** Opening Data supplied block **
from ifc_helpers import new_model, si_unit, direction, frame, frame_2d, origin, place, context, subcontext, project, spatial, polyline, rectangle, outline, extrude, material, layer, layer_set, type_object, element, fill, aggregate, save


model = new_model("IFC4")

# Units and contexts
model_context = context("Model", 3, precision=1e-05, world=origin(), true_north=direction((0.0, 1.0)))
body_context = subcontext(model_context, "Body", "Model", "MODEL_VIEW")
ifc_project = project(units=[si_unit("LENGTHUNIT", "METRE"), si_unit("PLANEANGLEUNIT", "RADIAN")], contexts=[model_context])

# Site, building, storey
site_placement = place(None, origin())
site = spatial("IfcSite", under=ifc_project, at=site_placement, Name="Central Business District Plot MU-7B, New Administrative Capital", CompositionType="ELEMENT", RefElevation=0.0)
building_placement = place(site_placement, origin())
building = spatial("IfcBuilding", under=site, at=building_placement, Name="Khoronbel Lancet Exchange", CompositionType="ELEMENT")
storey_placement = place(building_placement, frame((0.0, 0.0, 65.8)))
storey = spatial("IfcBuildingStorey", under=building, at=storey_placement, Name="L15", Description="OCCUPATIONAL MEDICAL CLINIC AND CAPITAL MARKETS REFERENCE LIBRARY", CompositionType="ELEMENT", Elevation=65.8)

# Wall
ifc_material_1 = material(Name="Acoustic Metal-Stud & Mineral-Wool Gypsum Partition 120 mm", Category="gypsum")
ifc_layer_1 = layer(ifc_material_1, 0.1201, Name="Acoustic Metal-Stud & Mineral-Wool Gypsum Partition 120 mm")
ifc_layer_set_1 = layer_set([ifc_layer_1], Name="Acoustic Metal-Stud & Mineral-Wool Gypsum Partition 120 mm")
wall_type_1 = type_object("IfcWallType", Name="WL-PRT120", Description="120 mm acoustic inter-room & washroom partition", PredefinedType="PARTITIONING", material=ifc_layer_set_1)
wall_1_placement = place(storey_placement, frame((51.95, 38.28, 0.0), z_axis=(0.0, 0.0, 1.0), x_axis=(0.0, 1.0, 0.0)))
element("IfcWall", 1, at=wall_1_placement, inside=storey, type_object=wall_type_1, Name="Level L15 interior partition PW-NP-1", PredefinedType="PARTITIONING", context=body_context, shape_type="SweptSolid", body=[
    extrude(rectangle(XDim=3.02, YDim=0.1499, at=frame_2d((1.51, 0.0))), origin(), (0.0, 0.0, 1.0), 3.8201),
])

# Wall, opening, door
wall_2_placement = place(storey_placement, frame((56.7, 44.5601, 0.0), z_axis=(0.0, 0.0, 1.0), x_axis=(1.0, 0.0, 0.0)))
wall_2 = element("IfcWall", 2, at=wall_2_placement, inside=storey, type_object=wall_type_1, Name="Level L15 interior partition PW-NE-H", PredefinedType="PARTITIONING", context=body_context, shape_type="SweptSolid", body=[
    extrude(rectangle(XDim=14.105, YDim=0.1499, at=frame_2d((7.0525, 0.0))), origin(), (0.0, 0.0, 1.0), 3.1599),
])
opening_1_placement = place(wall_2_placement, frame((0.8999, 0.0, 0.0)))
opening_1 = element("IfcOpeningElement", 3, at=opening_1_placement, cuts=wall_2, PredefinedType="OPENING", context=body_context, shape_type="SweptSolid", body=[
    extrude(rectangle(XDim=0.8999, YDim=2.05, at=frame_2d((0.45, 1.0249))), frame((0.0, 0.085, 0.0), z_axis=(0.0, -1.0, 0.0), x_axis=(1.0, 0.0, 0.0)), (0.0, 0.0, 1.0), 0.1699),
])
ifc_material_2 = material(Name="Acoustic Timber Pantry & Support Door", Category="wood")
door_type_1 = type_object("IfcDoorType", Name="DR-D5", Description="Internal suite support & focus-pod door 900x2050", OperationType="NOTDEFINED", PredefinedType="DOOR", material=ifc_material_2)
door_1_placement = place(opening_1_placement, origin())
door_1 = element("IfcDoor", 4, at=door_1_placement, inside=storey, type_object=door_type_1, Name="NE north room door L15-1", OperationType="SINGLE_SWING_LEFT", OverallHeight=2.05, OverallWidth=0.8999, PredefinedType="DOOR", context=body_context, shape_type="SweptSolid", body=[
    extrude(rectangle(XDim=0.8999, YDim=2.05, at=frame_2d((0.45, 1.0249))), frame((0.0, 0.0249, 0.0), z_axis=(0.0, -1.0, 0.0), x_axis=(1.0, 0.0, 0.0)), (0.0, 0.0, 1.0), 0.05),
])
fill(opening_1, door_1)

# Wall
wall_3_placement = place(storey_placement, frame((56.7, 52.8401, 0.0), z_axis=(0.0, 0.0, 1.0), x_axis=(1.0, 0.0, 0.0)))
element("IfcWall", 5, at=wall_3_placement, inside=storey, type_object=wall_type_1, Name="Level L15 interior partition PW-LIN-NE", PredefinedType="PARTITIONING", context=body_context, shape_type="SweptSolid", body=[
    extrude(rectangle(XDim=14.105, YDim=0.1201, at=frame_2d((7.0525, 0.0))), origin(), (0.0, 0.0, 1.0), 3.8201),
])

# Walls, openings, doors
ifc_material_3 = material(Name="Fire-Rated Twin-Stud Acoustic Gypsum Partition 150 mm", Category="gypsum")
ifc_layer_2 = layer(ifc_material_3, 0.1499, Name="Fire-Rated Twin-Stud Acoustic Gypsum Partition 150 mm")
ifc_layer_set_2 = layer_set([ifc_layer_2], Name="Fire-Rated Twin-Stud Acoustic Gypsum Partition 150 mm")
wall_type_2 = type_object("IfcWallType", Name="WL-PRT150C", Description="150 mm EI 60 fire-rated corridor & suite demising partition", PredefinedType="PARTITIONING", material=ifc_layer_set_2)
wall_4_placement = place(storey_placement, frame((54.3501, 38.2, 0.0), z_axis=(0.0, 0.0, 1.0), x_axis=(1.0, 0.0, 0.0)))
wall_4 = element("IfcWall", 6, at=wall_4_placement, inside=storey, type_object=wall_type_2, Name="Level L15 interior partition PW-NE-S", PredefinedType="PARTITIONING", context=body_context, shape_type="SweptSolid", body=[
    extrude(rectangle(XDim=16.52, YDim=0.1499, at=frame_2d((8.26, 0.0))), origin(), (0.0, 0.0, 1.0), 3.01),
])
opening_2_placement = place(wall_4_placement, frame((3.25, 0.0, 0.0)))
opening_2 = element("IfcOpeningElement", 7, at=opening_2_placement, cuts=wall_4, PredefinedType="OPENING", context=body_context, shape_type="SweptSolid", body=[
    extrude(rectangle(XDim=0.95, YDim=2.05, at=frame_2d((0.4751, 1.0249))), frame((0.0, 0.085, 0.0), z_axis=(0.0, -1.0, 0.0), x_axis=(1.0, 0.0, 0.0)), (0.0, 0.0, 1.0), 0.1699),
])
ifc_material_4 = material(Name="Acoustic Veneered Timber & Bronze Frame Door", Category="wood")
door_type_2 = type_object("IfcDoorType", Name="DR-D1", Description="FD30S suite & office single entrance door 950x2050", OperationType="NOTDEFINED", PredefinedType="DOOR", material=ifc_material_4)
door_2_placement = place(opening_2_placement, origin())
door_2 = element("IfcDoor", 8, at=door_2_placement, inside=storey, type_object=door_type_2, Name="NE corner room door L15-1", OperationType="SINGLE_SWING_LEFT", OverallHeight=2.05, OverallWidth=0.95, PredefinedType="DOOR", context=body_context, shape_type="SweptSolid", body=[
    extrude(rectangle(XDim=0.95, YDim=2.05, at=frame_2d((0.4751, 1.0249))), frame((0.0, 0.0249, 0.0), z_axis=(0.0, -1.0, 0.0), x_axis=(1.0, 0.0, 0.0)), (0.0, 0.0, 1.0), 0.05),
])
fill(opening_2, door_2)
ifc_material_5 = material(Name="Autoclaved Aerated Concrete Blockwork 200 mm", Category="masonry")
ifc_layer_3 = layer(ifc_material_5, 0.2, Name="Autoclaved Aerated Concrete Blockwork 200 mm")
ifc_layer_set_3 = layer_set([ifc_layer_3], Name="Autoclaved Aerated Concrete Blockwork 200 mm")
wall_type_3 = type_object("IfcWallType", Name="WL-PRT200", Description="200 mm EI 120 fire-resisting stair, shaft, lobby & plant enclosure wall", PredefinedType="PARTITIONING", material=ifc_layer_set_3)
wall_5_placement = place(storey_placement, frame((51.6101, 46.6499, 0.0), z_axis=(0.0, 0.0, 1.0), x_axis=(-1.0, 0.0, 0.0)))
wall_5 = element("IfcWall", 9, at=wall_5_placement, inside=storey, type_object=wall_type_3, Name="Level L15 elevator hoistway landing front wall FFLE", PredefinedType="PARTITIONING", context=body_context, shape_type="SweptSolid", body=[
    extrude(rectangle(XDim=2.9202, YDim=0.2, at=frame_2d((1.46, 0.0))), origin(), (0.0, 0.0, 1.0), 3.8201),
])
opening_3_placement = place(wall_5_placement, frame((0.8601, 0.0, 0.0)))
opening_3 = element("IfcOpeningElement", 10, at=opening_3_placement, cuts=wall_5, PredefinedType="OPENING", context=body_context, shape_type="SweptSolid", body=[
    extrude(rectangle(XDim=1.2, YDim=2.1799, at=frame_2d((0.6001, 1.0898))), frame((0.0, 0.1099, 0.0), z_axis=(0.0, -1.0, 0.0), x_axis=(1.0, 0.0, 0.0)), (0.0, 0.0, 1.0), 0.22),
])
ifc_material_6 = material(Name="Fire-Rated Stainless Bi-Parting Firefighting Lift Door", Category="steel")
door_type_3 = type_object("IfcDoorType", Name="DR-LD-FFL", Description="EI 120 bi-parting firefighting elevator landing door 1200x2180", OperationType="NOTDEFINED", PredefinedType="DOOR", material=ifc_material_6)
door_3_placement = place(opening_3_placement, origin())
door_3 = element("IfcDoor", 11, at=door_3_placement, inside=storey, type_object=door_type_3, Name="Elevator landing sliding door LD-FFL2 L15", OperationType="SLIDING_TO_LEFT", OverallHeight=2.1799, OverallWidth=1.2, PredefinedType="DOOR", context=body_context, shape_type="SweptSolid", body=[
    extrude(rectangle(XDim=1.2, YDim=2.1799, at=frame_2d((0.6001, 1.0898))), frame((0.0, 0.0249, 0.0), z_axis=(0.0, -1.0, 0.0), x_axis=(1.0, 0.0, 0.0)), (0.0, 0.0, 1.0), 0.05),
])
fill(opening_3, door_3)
** Closing Data supplied block **
### Work required
From the data above, copy each line with the string "fill" in it.

### Your solution
from ifc_helpers import new_model, si_unit, direction, frame, frame_2d, origin, place, context, subcontext, project, spatial, polyline, rectangle, outline, extrude, material, layer, layer_set, type_object, element, fill, aggregate, save
fill(opening_1, door_1)
fill(opening_2, door_2)
fill(opening_3, door_3)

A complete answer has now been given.